▶ What the exercise asks:
Your answer is a copy of every line in the records where "subcontext" appears.

Collected data:
============================================================

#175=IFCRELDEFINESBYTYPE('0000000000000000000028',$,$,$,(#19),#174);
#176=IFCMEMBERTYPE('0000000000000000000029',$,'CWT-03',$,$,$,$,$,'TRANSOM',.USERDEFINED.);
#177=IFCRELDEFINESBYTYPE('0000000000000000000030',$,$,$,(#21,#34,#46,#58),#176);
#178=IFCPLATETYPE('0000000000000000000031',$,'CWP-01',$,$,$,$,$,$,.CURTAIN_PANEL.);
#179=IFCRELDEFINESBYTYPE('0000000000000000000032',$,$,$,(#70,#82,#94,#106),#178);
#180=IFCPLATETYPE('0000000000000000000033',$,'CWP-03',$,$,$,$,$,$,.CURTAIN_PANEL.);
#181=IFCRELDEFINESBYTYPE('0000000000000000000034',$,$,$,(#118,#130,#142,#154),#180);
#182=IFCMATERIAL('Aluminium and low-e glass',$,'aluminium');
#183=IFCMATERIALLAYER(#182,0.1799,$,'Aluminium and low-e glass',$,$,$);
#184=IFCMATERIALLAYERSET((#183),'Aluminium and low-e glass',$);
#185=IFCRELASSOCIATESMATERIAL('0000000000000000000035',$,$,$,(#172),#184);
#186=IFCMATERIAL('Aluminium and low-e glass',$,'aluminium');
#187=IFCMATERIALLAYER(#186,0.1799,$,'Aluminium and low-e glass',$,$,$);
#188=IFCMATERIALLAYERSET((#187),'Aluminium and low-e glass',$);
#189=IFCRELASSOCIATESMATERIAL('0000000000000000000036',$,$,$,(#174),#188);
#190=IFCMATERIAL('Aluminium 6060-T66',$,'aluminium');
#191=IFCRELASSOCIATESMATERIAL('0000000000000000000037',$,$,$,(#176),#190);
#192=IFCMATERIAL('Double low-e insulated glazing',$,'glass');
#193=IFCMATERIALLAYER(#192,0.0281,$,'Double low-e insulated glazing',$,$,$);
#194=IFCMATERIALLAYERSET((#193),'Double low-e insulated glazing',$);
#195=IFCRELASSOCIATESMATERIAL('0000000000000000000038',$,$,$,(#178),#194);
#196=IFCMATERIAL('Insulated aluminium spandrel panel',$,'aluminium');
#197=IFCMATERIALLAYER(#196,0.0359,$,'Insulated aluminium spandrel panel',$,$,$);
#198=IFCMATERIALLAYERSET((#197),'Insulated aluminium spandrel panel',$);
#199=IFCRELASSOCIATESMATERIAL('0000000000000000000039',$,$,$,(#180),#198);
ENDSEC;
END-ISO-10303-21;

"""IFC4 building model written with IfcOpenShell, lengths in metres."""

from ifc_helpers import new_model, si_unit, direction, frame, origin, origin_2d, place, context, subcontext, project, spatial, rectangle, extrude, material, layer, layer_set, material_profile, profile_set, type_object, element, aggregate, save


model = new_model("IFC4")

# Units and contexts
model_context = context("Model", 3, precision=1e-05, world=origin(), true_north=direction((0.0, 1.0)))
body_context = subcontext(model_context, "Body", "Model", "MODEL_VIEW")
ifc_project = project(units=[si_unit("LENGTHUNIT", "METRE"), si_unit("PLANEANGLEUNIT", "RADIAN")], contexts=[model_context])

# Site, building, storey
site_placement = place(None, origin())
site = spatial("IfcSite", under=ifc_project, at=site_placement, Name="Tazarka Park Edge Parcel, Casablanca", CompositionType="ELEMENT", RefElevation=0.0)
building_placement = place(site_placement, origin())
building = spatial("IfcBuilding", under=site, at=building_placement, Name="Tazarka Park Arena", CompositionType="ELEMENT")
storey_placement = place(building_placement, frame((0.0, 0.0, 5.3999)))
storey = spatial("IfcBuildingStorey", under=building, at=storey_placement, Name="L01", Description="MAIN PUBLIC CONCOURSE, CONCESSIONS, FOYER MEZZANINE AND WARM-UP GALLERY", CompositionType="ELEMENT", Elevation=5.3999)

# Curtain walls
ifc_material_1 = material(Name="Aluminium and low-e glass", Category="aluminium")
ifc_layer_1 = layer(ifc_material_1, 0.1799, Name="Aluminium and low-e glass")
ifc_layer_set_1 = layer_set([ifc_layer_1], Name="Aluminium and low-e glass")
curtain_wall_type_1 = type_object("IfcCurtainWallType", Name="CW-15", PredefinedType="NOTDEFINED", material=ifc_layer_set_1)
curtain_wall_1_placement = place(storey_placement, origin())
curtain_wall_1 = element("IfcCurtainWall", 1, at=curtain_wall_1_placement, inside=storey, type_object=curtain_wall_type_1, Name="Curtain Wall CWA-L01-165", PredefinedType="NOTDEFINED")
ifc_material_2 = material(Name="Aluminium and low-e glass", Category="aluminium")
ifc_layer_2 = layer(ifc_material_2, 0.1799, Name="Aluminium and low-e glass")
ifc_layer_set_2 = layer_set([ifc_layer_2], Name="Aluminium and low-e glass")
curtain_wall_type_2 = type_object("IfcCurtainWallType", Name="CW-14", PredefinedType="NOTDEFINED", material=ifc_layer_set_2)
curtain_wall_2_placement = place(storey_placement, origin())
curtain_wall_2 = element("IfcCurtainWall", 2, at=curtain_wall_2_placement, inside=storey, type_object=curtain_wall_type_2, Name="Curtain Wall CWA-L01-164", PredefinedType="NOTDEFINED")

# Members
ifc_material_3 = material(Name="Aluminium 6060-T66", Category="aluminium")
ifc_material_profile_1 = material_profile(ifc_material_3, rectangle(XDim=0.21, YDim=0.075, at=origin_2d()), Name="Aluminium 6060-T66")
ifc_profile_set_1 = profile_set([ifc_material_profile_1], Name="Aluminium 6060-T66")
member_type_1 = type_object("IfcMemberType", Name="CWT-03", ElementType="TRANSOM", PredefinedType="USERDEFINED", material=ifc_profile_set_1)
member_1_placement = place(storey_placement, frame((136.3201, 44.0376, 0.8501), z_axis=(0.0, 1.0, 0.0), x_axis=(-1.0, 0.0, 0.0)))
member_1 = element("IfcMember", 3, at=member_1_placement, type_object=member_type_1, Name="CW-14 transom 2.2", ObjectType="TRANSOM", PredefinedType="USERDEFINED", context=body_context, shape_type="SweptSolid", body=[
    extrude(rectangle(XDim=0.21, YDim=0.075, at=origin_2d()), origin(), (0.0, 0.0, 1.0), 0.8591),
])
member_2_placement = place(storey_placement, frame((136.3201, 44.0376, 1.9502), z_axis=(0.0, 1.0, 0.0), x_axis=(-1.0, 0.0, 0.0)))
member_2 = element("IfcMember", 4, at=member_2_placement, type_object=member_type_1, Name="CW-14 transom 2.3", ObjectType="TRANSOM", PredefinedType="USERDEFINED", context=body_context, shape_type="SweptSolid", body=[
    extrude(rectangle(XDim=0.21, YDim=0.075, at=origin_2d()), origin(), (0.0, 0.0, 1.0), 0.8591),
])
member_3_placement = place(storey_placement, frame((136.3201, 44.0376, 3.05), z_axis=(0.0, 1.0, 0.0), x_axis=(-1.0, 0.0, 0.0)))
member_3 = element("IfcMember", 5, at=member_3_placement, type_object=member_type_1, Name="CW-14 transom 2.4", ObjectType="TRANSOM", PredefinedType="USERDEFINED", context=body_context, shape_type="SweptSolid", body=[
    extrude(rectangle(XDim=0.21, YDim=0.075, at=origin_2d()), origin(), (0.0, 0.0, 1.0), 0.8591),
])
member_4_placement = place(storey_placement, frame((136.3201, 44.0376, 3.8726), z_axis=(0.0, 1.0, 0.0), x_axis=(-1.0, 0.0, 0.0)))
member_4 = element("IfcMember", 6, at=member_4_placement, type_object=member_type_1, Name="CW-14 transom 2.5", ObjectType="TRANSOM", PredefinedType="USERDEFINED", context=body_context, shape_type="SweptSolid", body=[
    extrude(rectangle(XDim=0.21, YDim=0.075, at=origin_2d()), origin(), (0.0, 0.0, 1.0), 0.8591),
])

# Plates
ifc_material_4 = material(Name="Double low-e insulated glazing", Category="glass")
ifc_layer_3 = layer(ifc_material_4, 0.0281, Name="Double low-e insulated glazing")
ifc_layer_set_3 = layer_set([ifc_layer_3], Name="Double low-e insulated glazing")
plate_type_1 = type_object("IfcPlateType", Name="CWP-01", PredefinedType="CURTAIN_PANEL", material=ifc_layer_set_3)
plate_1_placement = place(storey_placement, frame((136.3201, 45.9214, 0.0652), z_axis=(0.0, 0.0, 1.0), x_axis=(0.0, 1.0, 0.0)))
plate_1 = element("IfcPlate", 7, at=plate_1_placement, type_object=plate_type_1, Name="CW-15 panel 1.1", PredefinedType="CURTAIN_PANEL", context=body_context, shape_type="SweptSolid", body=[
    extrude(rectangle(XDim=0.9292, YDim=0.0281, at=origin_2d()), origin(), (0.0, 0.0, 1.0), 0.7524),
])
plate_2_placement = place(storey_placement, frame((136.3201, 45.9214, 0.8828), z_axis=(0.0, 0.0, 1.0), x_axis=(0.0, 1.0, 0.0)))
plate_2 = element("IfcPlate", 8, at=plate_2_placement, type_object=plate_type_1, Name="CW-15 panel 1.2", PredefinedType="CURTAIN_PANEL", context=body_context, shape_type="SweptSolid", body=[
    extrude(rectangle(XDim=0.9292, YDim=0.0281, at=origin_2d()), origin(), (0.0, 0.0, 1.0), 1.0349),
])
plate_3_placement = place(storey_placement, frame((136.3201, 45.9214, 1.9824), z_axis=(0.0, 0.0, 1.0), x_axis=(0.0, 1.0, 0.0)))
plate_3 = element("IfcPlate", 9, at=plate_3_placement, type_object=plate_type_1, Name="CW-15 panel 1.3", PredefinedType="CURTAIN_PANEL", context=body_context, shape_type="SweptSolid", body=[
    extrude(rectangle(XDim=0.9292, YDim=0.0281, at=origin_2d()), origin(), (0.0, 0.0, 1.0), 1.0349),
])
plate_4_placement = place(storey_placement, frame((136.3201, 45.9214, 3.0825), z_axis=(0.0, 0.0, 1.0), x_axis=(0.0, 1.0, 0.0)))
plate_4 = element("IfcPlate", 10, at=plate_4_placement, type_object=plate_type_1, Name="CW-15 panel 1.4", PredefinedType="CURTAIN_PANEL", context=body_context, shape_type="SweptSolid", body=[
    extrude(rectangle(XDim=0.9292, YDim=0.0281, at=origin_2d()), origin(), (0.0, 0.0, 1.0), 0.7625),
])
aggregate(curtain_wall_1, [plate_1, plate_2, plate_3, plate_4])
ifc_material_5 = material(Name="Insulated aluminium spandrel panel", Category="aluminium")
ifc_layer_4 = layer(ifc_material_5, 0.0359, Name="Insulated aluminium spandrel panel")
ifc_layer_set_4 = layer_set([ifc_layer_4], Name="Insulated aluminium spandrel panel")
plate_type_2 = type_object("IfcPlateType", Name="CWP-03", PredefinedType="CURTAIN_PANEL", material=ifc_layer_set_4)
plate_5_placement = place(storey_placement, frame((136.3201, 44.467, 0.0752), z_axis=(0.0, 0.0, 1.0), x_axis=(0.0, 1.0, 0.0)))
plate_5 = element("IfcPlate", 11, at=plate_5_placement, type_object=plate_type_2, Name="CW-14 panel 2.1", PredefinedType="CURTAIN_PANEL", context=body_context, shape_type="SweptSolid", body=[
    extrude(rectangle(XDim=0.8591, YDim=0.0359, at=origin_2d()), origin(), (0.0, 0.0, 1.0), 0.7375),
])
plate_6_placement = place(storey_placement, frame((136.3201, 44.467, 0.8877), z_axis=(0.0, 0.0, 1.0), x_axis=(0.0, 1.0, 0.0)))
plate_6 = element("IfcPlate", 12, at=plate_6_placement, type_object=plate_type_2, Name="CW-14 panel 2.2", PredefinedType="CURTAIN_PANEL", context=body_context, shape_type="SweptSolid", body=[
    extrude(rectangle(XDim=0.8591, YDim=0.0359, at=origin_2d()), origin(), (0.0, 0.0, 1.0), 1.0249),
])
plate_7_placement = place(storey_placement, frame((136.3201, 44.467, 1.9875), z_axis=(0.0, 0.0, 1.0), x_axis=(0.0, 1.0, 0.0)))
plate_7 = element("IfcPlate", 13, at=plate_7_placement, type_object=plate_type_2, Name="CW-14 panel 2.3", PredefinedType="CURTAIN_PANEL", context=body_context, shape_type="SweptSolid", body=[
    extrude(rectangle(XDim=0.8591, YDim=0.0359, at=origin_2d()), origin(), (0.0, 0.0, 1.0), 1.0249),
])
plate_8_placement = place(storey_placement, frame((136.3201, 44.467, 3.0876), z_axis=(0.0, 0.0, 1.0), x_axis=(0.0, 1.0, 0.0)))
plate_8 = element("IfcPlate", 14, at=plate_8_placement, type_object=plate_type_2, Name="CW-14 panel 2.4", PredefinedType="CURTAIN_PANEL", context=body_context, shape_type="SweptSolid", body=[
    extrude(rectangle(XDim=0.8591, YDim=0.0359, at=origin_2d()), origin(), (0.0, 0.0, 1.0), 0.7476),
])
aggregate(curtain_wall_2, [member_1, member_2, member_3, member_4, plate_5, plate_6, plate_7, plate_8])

============================================================

▶ Exercise solution:
from ifc_helpers import new_model, si_unit, direction, frame, origin, origin_2d, place, context, subcontext, project, spatial, rectangle, extrude, material, layer, layer_set, material_profile, profile_set, type_object, element, aggregate, save
body_context = subcontext(model_context, "Body", "Model", "MODEL_VIEW")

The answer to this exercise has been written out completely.